Try it → After locating "#125=IFCINDEXEDPOLYGONALFACE((13,14,16,15));" in the listing below, copy that line and each one after it exactly, ending with the line that has "#133=IFCINDEXEDPOLYGONALFACE((1,3,4,2));".

Records to use →
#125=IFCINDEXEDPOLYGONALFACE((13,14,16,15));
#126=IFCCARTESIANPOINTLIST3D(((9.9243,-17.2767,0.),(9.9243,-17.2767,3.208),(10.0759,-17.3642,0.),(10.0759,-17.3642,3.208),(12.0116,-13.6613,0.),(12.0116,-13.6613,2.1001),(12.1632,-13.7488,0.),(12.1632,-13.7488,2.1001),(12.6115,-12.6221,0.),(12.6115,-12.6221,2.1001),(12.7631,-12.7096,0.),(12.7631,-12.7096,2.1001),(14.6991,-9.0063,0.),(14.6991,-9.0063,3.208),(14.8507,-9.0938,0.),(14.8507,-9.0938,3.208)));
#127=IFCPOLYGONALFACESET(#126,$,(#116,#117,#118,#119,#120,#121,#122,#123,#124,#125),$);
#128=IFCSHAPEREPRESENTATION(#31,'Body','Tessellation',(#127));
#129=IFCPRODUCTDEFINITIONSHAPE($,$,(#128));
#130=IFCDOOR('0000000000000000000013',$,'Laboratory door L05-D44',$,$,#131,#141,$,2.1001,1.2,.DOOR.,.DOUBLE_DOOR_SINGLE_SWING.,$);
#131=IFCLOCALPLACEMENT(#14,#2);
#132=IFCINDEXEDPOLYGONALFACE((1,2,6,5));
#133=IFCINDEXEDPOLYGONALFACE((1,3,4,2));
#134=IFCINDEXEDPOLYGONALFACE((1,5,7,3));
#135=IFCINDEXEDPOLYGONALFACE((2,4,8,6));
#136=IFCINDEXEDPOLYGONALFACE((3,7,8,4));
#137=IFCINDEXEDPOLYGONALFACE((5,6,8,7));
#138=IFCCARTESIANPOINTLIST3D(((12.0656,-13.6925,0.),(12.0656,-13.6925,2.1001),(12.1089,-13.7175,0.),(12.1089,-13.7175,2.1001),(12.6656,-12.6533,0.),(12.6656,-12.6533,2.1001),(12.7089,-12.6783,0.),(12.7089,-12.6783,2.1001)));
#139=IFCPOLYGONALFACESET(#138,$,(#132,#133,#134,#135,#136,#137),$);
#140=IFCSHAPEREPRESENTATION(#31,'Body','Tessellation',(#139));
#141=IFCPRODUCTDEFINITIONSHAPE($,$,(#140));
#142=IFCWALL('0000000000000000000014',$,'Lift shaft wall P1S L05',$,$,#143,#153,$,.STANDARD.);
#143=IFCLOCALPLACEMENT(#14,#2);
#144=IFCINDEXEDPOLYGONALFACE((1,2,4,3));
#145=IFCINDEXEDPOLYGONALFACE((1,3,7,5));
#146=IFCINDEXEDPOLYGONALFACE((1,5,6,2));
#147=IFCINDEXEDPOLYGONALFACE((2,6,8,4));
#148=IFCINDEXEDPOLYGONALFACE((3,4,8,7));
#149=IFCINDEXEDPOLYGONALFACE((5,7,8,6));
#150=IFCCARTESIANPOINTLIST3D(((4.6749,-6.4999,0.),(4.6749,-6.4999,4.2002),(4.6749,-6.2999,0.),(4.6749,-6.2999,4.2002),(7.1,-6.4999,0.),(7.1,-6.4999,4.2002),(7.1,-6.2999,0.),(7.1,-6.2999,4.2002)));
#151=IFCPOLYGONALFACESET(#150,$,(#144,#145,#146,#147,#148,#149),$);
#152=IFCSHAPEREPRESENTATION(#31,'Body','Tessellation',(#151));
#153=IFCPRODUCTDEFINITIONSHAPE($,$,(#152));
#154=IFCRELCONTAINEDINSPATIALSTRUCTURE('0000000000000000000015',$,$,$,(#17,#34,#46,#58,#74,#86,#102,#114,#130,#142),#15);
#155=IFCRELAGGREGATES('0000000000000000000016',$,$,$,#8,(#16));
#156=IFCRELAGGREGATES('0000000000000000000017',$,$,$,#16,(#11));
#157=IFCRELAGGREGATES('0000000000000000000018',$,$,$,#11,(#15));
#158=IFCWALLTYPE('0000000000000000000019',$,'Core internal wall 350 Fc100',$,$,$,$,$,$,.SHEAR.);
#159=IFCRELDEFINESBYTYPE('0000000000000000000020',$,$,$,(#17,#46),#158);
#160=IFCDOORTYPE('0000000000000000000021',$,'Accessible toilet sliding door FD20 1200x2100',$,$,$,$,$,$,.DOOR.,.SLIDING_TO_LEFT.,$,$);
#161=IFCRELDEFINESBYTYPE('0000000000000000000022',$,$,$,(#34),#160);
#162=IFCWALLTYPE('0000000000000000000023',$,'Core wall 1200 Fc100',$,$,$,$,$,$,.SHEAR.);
==
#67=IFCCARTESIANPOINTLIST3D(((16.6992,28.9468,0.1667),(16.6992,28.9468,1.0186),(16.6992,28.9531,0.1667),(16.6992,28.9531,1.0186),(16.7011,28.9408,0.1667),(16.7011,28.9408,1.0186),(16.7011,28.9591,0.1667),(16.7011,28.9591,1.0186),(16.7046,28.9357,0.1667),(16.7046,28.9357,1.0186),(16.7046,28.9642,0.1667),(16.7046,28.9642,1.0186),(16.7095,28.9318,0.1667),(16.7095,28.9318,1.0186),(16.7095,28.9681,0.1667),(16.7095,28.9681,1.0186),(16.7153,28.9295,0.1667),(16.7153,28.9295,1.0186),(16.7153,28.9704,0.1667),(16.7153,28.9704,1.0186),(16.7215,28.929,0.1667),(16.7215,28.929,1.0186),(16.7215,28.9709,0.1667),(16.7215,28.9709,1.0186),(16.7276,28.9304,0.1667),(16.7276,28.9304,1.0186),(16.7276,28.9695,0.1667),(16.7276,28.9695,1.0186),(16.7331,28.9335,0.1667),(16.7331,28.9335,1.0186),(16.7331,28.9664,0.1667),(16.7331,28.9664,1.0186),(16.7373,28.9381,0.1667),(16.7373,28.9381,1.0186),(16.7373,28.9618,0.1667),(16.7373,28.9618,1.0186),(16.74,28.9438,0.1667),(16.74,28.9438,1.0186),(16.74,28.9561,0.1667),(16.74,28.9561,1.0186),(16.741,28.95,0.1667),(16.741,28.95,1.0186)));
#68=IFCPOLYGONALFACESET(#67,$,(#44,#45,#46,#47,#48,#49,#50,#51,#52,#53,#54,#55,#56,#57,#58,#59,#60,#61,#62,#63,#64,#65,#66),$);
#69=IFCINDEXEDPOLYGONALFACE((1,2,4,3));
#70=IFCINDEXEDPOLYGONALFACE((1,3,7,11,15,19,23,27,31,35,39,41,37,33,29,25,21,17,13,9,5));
==
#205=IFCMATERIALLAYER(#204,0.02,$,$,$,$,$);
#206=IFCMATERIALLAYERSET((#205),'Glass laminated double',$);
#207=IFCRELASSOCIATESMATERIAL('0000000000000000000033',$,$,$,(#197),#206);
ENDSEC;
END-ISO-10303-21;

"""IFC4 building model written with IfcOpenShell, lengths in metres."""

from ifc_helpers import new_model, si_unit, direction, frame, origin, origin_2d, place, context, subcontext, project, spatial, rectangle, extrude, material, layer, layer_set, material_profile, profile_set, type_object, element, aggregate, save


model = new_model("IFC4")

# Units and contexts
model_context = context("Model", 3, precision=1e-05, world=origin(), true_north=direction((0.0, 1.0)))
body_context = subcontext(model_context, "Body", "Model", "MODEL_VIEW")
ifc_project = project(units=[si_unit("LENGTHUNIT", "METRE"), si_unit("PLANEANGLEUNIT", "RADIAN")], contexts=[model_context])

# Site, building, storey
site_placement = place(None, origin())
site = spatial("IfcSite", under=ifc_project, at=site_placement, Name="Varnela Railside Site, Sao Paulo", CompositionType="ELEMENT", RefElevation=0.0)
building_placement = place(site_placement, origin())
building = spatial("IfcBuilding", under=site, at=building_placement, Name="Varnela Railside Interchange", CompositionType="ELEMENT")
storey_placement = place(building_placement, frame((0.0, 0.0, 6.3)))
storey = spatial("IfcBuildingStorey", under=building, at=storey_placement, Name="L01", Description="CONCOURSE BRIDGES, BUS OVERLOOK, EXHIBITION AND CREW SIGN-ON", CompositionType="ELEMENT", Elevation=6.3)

Exercise result →
#125=IFCINDEXEDPOLYGONALFACE((13,14,16,15));
#126=IFCCARTESIANPOINTLIST3D(((9.9243,-17.2767,0.),(9.9243,-17.2767,3.208),(10.0759,-17.3642,0.),(10.0759,-17.3642,3.208),(12.0116,-13.6613,0.),(12.0116,-13.6613,2.1001),(12.1632,-13.7488,0.),(12.1632,-13.7488,2.1001),(12.6115,-12.6221,0.),(12.6115,-12.6221,2.1001),(12.7631,-12.7096,0.),(12.7631,-12.7096,2.1001),(14.6991,-9.0063,0.),(14.6991,-9.0063,3.208),(14.8507,-9.0938,0.),(14.8507,-9.0938,3.208)));
#127=IFCPOLYGONALFACESET(#126,$,(#116,#117,#118,#119,#120,#121,#122,#123,#124,#125),$);
#128=IFCSHAPEREPRESENTATION(#31,'Body','Tessellation',(#127));
#129=IFCPRODUCTDEFINITIONSHAPE($,$,(#128));
#130=IFCDOOR('0000000000000000000013',$,'Laboratory door L05-D44',$,$,#131,#141,$,2.1001,1.2,.DOOR.,.DOUBLE_DOOR_SINGLE_SWING.,$);
#131=IFCLOCALPLACEMENT(#14,#2);
#132=IFCINDEXEDPOLYGONALFACE((1,2,6,5));
#133=IFCINDEXEDPOLYGONALFACE((1,3,4,2));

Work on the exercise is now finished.